Figure out how many lines in the records below hold the string "ASTM". That number alone is the answer.

============

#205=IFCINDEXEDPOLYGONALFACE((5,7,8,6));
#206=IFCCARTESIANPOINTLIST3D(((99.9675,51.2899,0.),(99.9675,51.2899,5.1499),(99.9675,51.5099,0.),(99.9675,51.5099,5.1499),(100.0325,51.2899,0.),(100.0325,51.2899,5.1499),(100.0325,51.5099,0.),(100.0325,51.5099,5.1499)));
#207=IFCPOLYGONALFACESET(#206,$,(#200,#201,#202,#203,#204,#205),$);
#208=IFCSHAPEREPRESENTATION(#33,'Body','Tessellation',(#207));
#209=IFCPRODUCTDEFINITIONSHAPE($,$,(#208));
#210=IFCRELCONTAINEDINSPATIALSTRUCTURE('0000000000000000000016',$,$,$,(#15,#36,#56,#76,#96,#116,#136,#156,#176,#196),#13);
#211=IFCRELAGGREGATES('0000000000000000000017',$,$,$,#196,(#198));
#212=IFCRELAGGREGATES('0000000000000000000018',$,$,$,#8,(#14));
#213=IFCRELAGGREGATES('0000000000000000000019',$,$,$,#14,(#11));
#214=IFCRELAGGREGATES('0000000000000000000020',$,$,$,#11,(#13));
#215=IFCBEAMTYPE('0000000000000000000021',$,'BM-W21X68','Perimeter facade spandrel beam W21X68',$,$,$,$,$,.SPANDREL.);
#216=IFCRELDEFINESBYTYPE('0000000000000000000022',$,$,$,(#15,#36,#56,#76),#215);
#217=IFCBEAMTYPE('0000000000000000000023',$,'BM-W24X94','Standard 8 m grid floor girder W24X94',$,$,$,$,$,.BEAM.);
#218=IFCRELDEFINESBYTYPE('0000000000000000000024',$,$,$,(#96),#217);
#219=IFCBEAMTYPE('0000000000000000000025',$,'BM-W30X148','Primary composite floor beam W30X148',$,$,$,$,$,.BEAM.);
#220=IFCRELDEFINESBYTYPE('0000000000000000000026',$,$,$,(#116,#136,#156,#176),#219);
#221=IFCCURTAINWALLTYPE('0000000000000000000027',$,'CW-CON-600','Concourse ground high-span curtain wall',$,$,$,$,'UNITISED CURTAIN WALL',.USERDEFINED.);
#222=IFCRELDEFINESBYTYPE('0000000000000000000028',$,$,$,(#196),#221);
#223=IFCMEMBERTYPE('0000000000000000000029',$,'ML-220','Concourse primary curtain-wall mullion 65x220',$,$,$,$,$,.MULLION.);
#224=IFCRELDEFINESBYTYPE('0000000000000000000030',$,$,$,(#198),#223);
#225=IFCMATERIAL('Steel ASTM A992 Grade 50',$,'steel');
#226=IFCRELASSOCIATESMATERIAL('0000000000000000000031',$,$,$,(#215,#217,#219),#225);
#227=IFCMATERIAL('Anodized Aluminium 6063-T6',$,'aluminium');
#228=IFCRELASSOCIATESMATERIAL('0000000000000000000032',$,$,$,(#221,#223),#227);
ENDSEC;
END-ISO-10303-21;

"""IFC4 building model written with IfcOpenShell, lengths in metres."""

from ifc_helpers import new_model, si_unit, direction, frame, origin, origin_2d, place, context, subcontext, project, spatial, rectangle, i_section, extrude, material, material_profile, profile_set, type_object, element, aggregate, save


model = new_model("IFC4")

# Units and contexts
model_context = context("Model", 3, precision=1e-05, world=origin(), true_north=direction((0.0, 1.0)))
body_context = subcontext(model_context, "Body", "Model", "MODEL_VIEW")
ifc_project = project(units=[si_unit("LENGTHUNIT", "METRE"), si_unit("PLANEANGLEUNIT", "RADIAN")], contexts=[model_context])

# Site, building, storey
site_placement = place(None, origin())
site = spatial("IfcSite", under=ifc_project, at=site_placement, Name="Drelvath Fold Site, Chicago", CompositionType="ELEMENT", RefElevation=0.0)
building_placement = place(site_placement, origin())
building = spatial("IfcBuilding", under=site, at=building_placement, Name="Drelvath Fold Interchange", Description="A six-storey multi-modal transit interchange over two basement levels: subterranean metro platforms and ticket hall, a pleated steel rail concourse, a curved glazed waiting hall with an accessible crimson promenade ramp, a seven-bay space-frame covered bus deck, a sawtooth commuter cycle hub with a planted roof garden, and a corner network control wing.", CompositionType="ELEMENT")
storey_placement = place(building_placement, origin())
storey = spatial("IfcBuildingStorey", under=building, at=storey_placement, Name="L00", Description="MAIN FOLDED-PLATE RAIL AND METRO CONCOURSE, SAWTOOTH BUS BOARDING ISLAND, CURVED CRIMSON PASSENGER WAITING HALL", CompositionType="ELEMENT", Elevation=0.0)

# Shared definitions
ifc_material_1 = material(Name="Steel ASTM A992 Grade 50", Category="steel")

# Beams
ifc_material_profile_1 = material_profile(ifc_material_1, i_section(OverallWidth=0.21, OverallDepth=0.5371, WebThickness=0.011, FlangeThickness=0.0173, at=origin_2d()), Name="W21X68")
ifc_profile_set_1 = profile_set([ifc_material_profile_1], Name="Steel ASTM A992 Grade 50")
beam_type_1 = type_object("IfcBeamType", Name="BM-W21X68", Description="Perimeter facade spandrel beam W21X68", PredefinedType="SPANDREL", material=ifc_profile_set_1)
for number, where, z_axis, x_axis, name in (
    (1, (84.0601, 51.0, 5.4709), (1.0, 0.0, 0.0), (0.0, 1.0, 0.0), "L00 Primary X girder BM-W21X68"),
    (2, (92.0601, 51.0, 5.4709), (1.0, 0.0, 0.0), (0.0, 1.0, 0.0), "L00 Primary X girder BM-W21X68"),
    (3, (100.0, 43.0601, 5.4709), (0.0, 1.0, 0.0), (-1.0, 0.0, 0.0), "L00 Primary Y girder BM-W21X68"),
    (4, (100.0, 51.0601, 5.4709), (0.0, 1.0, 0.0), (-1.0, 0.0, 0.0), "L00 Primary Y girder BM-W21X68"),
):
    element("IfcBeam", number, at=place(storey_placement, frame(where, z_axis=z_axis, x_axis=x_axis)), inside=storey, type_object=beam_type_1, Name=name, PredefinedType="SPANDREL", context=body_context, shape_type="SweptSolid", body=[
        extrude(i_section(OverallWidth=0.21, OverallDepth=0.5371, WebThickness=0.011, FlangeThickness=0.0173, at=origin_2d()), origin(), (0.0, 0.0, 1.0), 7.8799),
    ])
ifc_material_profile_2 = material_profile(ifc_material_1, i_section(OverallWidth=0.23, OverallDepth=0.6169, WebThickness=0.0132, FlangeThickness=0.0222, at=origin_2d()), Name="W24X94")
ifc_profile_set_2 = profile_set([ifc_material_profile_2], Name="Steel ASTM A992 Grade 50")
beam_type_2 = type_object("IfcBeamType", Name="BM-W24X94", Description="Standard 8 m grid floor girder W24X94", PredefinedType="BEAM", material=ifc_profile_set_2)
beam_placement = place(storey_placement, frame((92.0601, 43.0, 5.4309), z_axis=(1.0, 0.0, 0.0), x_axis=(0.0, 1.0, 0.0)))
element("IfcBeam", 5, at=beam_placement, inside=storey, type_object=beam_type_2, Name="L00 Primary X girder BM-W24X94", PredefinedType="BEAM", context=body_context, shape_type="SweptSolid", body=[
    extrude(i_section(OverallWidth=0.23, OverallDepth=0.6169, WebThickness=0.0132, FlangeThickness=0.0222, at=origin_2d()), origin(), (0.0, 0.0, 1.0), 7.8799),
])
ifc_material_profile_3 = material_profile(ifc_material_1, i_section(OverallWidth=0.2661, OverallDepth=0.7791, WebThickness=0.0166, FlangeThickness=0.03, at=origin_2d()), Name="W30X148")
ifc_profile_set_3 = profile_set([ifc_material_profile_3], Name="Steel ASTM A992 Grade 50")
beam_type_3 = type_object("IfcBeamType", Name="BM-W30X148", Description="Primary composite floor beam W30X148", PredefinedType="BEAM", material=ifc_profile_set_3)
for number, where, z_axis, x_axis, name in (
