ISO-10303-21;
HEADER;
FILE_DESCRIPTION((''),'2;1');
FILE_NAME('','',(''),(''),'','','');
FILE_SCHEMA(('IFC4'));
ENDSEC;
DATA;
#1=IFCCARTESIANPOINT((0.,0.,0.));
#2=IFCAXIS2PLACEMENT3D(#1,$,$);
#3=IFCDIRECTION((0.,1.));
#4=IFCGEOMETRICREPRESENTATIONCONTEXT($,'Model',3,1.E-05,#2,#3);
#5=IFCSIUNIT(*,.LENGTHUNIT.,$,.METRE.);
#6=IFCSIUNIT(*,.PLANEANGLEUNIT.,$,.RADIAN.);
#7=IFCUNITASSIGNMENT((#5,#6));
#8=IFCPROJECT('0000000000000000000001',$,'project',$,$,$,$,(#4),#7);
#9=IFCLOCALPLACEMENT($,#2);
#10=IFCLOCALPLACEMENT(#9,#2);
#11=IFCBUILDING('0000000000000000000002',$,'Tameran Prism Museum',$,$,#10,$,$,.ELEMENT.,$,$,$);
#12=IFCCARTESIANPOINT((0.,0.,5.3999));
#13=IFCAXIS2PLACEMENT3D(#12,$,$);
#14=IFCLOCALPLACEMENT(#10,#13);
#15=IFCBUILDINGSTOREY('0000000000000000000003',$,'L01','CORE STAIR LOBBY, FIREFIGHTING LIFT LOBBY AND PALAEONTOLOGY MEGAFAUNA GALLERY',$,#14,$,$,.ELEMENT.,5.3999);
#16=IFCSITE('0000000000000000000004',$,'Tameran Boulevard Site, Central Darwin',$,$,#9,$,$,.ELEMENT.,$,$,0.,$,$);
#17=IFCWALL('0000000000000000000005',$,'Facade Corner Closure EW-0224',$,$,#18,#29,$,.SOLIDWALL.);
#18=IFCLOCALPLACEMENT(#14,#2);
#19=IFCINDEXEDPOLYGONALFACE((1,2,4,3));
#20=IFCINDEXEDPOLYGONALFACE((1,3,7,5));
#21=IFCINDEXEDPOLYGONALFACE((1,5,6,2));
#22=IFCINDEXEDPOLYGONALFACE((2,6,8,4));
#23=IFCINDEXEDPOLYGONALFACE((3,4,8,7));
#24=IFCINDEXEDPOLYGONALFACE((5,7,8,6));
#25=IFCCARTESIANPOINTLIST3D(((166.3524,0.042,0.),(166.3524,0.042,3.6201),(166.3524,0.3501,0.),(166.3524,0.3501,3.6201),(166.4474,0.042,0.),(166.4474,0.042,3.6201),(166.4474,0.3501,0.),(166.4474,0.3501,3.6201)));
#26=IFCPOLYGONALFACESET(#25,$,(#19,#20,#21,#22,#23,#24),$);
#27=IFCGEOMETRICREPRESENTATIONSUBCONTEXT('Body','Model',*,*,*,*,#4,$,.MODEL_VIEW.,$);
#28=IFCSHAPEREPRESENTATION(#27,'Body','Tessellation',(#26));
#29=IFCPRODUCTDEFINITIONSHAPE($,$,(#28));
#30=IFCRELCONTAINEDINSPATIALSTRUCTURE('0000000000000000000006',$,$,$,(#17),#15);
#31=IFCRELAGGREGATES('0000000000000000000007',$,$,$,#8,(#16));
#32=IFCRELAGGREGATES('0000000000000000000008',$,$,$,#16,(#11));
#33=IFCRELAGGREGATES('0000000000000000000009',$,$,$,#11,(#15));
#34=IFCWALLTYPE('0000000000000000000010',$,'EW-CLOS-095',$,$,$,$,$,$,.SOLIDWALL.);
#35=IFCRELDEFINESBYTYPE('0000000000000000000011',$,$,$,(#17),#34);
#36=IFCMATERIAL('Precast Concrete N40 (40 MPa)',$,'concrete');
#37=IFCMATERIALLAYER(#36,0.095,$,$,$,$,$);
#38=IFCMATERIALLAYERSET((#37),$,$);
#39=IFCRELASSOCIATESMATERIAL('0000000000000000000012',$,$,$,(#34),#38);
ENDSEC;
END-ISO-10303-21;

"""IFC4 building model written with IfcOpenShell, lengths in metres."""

from ifc_helpers import new_model, si_unit, direction, frame, frame_2d, origin, place, context, subcontext, project, spatial, rectangle, extrude, material, layer, layer_set, type_object, element, save


model = new_model("IFC4")

# Units and contexts
model_context = context("Model", 3, precision=1e-05, world=origin(), true_north=direction((0.0, 1.0)))
body_context = subcontext(model_context, "Body", "Model", "MODEL_VIEW")
ifc_project = project(units=[si_unit("LENGTHUNIT", "METRE"), si_unit("PLANEANGLEUNIT", "RADIAN")], contexts=[model_context])

# Site, building, storey
site_placement = place(None, origin())
site = spatial("IfcSite", under=ifc_project, at=site_placement, Name="Tameran Boulevard Site, Central Darwin", CompositionType="ELEMENT", RefElevation=0.0)
building_placement = place(site_placement, origin())
building = spatial("IfcBuilding", under=site, at=building_placement, Name="Tameran Prism Museum", CompositionType="ELEMENT")
storey_placement = place(building_placement, frame((0.0, 0.0, 5.3999)))
storey = spatial("IfcBuildingStorey", under=building, at=storey_placement, Name="L01", Description="CORE STAIR LOBBY, FIREFIGHTING LIFT LOBBY AND PALAEONTOLOGY MEGAFAUNA GALLERY", CompositionType="ELEMENT", Elevation=5.3999)

# Wall
ifc_material_1 = material(Name="Precast Concrete N40 (40 MPa)", Category="concrete")
ifc_layer_1 = layer(ifc_material_1, 0.095)
ifc_layer_set_1 = layer_set([ifc_layer_1])
wall_type = type_object("IfcWallType", Name="EW-CLOS-095", PredefinedType="SOLIDWALL", material=ifc_layer_set_1)
wall_1_placement = place(storey_placement, frame((166.3999, 0.3501, 0.0), z_axis=(0.0, 0.0, 1.0), x_axis=(0.0, -1.0, 0.0)))
element("IfcWall", 1, at=wall_1_placement, inside=storey, type_object=wall_type, Name="Facade Corner Closure EW-0224", PredefinedType="SOLIDWALL", context=body_context, shape_type="SweptSolid", body=[
    extrude(rectangle(XDim=0.3081, YDim=0.095, at=frame_2d((0.1541, 0.0))), origin(), (0.0, 0.0, 1.0), 3.6201),
])

save(model, "model.ifc")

============

> **YOUR RESPONSE**
5